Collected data
######
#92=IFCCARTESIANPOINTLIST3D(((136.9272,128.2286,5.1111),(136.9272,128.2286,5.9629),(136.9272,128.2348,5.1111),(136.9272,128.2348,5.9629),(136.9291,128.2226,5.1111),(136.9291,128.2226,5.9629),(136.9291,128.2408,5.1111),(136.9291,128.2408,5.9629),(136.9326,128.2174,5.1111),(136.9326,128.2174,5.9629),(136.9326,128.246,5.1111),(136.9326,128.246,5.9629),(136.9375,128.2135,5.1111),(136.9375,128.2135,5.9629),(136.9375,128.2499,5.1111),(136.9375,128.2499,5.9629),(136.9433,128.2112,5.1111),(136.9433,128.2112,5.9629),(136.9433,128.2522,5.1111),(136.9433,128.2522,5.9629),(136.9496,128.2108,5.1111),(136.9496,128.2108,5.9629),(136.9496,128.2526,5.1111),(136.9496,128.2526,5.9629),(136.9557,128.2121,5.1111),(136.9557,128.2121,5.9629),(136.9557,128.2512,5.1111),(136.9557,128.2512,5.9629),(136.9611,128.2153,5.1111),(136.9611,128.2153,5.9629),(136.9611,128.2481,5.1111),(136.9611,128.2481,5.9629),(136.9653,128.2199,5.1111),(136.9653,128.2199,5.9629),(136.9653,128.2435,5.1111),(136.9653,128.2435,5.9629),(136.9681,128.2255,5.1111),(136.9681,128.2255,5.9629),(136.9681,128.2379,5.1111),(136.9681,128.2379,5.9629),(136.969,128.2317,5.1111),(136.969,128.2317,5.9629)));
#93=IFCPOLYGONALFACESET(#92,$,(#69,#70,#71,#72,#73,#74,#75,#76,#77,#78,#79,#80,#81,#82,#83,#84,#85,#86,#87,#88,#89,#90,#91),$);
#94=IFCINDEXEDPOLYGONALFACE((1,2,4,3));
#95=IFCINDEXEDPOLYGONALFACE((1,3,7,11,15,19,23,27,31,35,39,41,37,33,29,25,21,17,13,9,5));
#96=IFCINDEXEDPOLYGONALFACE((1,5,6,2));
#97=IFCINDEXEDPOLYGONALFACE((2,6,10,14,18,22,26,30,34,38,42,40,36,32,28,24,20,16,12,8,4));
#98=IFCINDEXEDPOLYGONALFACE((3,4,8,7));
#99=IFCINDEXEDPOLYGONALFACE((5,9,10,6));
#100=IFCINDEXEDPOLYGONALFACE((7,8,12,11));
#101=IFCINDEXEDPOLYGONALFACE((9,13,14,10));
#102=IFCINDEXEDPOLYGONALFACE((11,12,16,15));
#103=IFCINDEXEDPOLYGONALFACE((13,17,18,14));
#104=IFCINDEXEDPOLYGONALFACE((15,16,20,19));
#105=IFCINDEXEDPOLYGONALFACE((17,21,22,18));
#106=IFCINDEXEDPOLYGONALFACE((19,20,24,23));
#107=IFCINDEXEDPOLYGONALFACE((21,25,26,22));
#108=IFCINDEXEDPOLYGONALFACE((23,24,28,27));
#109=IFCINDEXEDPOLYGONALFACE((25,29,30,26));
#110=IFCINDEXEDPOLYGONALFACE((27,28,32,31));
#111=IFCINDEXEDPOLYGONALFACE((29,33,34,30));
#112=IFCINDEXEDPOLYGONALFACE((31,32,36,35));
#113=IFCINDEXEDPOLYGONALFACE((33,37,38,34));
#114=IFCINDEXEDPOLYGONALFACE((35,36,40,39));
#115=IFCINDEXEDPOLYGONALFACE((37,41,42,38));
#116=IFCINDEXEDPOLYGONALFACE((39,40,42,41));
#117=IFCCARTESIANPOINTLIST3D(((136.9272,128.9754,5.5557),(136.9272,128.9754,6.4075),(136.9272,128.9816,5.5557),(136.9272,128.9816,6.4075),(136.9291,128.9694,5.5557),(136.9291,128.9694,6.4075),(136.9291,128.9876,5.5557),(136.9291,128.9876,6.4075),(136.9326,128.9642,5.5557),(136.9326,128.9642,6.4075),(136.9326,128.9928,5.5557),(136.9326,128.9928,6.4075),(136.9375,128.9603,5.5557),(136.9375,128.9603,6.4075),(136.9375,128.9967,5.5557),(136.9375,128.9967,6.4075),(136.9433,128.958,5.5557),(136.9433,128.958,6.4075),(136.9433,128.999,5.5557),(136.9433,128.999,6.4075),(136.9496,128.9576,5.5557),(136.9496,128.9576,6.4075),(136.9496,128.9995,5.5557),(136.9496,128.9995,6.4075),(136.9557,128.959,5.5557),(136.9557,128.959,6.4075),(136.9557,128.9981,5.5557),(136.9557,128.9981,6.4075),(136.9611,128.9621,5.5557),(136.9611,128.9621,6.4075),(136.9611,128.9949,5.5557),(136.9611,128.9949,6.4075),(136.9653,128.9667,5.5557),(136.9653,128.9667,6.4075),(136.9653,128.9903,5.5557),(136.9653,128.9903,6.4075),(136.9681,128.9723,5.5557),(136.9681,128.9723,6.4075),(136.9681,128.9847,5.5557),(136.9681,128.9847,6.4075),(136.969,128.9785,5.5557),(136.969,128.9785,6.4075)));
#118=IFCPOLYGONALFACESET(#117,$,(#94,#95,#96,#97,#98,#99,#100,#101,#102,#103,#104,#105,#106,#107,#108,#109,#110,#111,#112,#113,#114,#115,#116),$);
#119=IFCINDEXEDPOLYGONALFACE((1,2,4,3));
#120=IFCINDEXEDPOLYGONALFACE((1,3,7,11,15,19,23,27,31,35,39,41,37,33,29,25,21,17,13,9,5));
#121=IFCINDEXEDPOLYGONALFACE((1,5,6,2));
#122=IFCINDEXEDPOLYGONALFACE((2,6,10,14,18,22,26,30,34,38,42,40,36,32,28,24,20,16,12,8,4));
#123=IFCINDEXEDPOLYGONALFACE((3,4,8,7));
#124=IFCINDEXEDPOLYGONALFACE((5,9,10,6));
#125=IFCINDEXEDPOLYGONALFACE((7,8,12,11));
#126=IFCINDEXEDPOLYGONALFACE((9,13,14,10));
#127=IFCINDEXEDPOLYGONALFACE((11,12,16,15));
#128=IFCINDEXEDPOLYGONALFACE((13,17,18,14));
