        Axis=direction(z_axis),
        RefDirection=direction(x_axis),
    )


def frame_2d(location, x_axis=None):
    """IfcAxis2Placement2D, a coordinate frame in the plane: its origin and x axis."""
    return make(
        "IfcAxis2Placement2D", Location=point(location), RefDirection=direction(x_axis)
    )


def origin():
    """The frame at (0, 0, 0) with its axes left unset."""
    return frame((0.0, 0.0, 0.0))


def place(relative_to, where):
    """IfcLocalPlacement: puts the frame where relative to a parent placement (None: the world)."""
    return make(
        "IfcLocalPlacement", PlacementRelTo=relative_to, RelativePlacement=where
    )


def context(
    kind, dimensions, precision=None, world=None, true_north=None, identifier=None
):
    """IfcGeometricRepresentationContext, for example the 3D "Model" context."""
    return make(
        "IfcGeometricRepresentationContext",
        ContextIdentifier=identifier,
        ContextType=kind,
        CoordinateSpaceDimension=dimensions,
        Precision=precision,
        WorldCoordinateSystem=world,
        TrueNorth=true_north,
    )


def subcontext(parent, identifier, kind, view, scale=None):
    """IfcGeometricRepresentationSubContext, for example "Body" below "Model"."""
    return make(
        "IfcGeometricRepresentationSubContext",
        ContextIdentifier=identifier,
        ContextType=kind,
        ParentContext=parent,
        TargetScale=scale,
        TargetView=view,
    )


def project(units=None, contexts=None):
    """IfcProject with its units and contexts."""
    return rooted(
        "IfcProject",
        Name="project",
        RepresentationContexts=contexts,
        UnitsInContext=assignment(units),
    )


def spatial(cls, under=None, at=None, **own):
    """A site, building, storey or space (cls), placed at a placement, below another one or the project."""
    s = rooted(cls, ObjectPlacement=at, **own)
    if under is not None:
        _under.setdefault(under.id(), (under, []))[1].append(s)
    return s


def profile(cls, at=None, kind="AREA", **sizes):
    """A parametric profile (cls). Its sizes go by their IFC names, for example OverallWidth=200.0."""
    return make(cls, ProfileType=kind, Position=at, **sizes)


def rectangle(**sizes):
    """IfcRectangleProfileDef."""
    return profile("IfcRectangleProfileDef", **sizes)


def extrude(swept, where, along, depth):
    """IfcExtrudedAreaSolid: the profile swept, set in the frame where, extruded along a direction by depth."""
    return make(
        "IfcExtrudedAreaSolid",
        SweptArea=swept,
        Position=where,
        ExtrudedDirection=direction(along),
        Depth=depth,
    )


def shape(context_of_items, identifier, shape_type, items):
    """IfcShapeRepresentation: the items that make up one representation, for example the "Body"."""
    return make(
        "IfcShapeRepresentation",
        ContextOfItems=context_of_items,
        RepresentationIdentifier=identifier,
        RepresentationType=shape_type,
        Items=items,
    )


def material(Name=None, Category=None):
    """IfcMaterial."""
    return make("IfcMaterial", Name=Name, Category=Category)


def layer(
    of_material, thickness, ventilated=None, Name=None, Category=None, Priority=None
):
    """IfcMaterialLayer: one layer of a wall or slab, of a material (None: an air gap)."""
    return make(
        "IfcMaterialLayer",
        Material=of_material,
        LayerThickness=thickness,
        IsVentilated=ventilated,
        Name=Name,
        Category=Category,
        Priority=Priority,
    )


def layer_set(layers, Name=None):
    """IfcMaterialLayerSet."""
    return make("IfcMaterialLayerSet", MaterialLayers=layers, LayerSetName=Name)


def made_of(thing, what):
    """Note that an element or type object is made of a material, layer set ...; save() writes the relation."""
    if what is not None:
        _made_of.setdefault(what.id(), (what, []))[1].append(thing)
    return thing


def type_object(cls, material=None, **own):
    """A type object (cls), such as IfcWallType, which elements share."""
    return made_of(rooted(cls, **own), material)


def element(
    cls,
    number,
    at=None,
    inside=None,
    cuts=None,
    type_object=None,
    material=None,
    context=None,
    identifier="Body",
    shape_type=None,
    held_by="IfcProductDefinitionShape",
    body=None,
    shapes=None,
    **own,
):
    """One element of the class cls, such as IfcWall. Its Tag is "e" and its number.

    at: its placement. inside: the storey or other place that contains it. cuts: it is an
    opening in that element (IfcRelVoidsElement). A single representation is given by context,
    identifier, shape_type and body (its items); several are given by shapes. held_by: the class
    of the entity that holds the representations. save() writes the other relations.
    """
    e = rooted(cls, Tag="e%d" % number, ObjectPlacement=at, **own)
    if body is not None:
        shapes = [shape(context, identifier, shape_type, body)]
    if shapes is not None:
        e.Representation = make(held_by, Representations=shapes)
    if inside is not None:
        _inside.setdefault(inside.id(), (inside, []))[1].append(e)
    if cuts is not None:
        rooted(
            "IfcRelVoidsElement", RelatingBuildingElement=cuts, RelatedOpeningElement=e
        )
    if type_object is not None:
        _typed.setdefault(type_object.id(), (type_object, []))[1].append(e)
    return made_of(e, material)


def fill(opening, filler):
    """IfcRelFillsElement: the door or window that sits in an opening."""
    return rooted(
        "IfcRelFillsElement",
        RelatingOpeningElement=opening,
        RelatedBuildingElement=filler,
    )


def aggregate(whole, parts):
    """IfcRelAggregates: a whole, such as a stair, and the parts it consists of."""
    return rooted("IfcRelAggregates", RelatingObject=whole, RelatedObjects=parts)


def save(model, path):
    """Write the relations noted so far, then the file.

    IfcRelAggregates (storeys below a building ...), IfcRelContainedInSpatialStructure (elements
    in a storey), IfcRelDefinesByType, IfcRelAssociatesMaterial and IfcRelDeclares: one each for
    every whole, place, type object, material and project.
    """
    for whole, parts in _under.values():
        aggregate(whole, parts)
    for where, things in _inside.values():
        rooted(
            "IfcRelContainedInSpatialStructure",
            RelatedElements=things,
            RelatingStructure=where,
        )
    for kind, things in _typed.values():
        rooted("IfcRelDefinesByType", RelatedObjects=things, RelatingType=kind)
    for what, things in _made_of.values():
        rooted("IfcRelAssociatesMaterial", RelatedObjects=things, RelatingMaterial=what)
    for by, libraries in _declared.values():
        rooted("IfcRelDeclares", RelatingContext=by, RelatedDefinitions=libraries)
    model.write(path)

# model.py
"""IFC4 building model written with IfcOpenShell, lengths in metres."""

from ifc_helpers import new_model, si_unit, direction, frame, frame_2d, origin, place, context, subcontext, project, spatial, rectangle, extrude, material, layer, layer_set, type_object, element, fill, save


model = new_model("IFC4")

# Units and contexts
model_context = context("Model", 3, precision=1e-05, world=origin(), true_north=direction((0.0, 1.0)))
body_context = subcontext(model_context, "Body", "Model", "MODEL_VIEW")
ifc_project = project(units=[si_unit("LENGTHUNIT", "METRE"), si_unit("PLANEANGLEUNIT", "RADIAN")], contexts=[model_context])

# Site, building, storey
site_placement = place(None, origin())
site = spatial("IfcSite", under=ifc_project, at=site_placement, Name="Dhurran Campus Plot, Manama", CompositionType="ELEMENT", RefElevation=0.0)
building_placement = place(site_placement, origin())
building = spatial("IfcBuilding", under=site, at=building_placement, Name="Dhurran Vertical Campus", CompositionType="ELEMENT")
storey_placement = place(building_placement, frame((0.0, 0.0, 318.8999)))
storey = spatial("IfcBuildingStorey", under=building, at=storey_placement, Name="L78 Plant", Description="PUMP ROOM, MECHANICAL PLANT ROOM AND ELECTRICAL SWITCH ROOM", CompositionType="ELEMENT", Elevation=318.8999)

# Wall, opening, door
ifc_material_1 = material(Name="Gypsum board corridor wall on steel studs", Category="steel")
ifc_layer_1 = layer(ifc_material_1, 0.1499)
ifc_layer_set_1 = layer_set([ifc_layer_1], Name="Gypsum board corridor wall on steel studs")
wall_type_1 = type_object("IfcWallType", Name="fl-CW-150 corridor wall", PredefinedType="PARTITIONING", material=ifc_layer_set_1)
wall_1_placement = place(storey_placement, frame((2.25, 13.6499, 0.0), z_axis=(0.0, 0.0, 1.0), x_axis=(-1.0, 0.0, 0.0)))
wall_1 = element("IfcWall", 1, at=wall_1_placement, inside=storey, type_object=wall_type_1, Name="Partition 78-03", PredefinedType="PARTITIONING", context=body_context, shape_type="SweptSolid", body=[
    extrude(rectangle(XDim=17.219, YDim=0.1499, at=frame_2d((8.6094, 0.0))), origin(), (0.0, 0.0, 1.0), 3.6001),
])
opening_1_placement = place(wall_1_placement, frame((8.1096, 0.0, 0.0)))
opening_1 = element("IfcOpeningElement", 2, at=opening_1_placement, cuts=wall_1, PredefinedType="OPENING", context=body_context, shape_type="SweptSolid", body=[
######
**About this task**: Tell how many lines in the data include the string "direction". Reply with the number and no other text.

**Answer below**: 7